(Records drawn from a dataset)
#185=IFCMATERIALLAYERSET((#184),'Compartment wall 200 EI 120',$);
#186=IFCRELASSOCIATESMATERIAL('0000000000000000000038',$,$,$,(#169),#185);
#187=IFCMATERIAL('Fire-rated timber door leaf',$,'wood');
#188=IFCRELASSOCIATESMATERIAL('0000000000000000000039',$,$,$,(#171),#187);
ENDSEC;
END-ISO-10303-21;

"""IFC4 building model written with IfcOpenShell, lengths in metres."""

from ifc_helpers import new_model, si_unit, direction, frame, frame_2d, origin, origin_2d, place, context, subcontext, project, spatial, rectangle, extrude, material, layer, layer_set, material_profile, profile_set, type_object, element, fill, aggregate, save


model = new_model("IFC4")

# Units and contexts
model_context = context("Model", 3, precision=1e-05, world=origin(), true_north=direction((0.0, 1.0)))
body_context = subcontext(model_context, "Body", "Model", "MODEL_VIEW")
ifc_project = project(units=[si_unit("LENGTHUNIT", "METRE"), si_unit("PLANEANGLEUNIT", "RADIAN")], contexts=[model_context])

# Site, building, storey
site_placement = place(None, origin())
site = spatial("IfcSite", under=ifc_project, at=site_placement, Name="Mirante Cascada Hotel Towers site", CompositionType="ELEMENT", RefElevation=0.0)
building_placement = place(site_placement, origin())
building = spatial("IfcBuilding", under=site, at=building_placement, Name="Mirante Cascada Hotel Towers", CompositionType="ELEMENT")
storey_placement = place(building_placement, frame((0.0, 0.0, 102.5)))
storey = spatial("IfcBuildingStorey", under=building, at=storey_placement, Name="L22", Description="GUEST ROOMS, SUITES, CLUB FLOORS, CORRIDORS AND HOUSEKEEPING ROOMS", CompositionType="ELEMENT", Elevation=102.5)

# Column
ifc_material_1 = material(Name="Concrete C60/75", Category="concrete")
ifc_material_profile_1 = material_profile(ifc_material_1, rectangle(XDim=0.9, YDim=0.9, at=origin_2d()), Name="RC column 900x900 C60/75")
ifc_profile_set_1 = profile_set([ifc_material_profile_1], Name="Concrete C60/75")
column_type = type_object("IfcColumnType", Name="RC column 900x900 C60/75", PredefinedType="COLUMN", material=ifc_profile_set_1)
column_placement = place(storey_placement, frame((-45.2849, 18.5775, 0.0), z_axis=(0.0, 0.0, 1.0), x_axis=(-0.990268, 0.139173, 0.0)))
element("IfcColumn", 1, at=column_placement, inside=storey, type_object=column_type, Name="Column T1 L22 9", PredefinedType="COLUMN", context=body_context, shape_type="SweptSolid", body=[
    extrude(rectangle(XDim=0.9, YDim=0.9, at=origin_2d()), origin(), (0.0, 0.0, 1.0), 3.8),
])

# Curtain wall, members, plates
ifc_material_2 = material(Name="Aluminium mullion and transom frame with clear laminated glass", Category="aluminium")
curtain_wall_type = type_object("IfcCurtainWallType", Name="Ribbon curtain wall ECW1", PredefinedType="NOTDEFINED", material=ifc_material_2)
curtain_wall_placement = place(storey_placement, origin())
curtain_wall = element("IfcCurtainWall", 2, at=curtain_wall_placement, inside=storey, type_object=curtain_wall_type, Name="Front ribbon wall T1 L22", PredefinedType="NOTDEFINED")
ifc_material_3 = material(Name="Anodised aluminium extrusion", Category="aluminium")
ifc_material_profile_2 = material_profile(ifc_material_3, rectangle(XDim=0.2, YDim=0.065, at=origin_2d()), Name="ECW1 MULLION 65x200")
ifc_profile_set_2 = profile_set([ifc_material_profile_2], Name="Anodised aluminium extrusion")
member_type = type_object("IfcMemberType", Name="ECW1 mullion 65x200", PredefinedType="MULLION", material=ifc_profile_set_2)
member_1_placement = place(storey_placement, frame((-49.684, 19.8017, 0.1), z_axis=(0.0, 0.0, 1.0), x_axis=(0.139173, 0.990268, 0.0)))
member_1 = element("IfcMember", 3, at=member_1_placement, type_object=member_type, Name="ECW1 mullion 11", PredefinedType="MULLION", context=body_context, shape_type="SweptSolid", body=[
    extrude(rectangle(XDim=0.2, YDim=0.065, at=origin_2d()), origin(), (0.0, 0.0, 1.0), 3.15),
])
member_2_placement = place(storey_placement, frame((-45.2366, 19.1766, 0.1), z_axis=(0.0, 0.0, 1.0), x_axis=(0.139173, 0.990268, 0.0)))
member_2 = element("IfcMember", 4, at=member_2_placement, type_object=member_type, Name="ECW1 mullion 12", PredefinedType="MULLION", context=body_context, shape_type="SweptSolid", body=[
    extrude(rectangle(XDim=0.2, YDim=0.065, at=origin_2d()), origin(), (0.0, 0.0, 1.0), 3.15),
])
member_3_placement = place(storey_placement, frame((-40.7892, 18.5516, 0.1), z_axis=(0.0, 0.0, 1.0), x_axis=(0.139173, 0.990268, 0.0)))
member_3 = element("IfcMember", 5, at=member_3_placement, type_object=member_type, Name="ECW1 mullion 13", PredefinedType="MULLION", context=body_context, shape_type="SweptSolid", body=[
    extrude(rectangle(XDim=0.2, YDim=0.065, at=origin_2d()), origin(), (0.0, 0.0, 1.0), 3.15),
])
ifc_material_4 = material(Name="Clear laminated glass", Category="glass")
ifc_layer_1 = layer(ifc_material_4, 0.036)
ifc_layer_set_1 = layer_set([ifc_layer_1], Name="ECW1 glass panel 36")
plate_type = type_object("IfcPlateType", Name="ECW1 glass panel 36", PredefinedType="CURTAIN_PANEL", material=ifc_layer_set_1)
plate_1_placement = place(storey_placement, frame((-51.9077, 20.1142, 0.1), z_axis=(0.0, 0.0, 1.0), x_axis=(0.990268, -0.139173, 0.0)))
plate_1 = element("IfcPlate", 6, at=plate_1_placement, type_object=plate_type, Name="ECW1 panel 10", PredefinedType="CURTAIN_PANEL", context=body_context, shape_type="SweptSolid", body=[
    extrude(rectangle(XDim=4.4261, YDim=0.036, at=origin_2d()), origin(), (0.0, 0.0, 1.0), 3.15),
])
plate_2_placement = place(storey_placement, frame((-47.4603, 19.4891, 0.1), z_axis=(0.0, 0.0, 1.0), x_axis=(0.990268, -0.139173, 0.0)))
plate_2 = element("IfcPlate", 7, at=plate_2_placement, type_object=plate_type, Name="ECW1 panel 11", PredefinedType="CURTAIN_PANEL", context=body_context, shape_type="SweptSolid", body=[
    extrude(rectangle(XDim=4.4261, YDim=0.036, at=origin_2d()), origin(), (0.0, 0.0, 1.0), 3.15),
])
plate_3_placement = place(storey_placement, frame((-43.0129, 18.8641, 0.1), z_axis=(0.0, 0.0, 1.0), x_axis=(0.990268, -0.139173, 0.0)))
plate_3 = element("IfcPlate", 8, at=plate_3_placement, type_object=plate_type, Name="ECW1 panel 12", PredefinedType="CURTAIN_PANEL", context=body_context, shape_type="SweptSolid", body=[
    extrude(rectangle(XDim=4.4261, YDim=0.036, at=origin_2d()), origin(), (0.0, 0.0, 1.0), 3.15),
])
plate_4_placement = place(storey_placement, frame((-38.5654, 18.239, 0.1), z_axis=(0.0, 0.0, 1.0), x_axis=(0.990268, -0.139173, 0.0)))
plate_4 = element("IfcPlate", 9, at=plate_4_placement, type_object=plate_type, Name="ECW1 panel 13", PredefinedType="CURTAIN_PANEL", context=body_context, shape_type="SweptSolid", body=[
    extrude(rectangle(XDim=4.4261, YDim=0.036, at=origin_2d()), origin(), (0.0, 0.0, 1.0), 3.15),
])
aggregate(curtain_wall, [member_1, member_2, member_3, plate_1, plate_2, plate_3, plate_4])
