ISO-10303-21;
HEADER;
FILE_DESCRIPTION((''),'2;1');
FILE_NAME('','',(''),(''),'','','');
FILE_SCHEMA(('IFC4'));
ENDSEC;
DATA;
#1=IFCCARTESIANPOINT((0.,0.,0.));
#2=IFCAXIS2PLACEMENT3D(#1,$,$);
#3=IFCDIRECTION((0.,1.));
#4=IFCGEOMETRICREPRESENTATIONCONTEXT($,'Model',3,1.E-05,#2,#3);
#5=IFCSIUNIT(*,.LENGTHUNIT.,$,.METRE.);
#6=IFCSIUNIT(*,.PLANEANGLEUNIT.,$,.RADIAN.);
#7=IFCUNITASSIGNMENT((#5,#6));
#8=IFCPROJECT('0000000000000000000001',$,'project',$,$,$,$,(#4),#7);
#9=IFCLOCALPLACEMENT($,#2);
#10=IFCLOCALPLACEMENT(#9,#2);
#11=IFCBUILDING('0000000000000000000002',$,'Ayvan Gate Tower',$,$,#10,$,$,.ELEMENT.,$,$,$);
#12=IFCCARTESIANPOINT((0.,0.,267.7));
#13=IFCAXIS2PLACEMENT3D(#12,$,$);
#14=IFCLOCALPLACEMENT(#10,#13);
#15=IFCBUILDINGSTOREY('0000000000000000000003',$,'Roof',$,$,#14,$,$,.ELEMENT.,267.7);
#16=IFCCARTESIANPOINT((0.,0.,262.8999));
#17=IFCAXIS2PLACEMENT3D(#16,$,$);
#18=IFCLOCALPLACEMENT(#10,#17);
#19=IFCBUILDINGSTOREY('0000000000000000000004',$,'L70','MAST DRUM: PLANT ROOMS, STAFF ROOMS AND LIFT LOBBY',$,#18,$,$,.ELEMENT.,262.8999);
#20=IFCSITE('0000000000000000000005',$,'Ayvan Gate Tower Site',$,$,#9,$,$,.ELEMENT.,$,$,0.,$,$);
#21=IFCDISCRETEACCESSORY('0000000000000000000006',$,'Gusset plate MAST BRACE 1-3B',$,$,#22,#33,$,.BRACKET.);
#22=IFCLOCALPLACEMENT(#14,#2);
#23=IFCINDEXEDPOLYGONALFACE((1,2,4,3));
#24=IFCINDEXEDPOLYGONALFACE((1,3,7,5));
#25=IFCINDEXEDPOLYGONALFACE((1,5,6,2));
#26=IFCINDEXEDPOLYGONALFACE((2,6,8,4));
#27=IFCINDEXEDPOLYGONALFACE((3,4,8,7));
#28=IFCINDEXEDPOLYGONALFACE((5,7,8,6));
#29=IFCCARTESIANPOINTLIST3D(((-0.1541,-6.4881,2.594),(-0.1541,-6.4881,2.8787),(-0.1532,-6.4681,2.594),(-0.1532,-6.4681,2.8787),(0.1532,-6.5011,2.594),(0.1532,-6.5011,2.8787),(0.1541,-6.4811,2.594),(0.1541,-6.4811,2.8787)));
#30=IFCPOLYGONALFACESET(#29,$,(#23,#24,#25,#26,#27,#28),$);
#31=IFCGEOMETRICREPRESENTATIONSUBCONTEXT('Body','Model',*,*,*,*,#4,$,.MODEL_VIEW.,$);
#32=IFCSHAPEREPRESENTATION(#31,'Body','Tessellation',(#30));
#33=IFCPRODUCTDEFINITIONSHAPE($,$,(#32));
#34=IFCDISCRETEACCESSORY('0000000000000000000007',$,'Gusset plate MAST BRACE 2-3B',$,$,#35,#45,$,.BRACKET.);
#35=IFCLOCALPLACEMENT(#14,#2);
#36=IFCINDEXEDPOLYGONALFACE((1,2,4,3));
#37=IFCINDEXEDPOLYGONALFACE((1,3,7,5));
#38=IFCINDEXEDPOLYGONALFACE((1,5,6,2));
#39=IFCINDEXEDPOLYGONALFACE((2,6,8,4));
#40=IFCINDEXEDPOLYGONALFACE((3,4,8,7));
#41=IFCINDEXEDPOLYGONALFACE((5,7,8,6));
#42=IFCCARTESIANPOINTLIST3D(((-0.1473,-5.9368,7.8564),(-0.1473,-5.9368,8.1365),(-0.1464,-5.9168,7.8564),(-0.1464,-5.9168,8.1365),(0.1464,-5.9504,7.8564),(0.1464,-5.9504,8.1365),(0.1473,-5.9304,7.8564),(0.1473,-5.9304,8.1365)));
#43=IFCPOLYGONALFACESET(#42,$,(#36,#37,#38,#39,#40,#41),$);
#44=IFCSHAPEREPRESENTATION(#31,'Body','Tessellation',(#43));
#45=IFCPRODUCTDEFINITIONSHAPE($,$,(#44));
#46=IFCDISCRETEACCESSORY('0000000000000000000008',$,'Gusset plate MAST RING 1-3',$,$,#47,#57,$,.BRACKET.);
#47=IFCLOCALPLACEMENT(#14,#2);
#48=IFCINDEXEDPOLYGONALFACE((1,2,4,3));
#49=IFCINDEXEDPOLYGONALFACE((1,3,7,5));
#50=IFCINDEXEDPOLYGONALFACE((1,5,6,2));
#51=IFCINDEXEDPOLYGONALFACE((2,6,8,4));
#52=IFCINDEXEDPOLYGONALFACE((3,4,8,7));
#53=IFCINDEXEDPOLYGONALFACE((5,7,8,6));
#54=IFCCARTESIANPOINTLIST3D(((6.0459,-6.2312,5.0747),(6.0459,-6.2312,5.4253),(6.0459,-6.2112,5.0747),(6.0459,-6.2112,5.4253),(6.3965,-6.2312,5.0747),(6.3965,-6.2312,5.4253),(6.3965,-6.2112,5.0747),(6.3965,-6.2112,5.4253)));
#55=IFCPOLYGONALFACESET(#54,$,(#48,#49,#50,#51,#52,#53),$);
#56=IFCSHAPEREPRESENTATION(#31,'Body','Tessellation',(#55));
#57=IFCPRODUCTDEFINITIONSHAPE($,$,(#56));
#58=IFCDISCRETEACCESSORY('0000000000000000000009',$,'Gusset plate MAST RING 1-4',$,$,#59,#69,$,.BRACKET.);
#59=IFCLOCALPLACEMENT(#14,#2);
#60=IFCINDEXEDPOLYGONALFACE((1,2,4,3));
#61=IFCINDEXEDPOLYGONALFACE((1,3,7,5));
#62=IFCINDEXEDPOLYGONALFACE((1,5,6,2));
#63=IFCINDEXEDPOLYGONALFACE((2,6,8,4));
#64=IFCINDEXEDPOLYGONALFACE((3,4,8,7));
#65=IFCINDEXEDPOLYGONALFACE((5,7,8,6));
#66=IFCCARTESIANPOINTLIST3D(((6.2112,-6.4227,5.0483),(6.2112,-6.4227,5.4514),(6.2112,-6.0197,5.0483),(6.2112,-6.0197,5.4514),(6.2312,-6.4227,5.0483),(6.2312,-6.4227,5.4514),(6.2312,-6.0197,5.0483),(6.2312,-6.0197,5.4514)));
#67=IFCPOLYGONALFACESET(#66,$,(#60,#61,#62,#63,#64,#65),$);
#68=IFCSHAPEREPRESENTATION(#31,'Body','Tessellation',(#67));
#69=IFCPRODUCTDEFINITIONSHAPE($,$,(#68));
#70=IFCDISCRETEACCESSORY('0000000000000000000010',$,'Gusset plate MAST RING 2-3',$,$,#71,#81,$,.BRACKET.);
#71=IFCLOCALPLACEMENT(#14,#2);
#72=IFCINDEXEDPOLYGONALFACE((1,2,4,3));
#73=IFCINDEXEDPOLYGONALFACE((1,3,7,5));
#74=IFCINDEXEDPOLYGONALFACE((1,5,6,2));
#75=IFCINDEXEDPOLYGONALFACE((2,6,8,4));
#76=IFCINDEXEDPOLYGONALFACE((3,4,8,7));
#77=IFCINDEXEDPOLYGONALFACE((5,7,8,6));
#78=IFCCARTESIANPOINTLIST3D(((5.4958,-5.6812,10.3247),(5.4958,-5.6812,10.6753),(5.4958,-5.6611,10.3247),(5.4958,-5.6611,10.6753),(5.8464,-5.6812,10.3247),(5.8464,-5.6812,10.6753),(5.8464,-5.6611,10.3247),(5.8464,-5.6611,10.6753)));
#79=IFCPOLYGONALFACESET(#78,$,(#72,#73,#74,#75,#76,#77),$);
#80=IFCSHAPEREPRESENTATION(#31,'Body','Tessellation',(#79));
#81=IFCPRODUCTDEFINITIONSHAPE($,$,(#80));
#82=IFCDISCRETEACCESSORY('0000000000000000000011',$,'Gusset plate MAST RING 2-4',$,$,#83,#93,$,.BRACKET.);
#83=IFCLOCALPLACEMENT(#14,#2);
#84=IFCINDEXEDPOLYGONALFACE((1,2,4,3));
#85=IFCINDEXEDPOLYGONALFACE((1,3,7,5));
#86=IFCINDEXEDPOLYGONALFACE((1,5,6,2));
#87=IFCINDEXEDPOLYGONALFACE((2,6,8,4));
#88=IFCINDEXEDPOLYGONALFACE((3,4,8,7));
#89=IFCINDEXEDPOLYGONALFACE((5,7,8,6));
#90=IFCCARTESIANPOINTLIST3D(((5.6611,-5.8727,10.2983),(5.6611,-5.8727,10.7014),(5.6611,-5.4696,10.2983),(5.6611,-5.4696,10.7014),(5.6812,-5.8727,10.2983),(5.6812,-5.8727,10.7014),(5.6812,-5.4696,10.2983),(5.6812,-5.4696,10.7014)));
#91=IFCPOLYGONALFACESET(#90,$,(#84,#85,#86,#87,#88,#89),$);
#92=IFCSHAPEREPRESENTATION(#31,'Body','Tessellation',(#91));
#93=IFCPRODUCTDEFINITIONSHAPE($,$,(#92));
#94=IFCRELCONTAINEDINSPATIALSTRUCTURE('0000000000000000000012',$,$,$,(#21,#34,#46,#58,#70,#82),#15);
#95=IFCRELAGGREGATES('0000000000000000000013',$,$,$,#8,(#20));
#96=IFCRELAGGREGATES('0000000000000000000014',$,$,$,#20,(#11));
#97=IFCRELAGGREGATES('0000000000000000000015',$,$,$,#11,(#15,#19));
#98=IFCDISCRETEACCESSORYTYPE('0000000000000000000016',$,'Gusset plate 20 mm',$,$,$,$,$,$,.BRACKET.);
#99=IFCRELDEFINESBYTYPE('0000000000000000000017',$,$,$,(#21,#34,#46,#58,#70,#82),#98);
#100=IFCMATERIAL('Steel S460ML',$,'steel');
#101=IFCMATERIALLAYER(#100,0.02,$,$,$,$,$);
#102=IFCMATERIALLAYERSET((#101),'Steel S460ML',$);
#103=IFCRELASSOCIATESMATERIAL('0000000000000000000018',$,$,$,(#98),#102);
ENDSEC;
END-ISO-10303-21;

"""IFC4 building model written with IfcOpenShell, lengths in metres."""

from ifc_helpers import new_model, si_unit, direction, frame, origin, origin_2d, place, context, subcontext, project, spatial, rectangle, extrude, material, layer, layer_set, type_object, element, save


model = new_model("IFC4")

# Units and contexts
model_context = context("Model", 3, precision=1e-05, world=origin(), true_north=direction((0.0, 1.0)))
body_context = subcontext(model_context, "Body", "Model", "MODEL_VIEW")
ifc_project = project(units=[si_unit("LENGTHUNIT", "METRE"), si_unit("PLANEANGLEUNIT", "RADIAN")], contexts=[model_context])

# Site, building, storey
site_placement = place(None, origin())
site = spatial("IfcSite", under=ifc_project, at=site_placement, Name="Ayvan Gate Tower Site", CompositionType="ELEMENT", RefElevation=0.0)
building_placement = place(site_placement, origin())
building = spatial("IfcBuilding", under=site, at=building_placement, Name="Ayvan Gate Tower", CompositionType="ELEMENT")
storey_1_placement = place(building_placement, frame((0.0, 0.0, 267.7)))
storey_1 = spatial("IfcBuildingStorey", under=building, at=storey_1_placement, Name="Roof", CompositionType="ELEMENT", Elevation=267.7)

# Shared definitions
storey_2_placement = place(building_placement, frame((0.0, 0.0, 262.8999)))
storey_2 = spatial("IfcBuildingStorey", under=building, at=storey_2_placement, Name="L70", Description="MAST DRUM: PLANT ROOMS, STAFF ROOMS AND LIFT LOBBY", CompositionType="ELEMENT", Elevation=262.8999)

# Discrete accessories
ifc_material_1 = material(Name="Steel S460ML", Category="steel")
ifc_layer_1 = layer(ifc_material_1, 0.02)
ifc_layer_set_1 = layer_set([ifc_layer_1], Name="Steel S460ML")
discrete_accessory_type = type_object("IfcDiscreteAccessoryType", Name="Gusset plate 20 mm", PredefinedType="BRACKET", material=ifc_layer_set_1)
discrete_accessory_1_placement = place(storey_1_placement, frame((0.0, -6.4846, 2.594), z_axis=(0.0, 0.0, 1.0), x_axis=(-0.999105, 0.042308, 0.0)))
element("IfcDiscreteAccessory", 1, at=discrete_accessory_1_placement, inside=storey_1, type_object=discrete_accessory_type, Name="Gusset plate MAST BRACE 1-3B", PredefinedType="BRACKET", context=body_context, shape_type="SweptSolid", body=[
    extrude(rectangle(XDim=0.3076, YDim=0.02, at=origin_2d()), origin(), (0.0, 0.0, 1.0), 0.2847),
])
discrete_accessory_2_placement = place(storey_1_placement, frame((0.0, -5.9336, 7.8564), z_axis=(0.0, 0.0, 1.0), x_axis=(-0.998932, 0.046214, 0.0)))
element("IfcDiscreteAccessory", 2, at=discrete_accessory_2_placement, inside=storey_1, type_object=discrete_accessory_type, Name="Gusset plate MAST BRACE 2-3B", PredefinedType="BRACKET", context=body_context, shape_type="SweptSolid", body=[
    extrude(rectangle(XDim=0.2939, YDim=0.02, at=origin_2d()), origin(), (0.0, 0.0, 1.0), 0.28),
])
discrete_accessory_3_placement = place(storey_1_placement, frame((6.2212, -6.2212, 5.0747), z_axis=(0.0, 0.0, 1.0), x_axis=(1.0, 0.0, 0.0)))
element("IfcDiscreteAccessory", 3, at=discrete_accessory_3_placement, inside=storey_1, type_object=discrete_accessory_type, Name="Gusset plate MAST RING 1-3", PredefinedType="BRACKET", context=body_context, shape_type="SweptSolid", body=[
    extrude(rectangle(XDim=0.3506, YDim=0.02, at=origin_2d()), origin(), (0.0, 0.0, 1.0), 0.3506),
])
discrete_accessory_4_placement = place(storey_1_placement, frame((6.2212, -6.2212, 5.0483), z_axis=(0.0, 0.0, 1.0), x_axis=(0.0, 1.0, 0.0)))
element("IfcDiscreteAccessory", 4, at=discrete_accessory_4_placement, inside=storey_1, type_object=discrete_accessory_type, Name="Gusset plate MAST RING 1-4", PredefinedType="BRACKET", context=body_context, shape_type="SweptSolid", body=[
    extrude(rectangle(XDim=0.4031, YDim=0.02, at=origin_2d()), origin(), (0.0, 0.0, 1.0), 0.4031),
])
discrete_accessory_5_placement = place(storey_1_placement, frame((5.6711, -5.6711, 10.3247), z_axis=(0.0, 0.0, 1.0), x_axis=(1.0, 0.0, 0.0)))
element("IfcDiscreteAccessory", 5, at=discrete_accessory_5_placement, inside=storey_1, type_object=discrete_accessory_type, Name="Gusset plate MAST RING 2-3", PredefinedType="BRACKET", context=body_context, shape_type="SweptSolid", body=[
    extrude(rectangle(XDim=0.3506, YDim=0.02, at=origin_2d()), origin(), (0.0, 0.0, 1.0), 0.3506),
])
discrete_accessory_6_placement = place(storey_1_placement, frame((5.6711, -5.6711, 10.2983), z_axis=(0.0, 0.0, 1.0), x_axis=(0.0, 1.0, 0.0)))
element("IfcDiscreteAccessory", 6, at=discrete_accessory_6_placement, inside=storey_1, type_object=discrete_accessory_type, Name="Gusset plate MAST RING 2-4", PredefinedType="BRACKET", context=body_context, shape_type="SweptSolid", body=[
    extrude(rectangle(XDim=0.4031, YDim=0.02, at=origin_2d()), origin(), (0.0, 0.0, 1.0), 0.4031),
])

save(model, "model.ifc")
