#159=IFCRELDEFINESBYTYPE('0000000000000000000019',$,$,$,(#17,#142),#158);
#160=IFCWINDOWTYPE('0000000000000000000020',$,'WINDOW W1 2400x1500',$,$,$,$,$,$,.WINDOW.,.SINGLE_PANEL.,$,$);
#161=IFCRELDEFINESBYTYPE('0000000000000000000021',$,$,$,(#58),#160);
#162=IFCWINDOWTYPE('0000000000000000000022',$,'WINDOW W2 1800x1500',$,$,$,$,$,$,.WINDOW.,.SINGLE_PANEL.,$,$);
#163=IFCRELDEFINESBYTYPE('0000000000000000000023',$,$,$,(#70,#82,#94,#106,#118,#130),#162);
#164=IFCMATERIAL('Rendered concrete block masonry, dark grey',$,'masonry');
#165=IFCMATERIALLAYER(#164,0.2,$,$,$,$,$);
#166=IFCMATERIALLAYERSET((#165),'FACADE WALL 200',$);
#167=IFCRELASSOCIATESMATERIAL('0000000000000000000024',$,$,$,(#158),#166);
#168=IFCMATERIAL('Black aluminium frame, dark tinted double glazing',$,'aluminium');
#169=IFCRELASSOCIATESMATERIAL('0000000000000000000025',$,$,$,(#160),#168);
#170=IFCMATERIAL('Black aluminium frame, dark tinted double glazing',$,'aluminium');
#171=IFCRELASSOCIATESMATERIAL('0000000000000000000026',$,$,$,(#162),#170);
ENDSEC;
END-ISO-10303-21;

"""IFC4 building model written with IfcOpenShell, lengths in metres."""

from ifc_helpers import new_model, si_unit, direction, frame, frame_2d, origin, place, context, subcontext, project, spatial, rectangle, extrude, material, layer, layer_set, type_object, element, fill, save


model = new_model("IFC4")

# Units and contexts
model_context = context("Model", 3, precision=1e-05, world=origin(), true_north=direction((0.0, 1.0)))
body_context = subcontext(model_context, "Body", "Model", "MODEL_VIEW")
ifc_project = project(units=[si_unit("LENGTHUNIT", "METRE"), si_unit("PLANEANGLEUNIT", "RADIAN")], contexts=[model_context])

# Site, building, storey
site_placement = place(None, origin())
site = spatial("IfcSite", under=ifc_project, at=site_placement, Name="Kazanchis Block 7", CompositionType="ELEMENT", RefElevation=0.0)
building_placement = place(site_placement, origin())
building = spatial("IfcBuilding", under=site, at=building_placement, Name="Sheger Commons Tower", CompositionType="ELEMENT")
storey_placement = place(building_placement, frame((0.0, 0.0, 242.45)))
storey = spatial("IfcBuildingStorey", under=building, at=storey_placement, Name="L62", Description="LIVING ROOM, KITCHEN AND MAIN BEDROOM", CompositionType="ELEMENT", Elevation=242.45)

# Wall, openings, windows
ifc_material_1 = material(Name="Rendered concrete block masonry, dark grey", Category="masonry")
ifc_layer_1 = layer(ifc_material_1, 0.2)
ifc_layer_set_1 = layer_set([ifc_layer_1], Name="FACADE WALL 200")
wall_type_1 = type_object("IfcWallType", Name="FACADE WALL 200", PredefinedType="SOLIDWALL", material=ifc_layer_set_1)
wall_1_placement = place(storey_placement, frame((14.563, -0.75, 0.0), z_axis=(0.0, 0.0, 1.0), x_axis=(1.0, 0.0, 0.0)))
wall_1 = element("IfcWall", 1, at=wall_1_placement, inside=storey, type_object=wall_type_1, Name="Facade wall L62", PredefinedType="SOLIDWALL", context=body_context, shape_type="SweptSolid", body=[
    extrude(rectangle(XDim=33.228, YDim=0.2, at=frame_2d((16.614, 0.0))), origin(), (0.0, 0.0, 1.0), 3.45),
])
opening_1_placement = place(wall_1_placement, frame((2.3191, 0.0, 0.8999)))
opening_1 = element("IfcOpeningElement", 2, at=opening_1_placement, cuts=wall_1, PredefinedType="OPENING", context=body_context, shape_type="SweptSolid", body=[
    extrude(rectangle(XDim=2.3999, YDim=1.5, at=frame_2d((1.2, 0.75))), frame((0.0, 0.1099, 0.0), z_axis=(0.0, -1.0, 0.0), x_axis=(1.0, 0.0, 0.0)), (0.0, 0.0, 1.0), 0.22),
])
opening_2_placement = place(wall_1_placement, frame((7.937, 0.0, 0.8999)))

Task directions: Pull out all lines containing the word "IFCSIUNIT" from the entries above.

Written reply:
#5=IFCSIUNIT(*,.LENGTHUNIT.,$,.METRE.);
#6=IFCSIUNIT(*,.PLANEANGLEUNIT.,$,.RADIAN.);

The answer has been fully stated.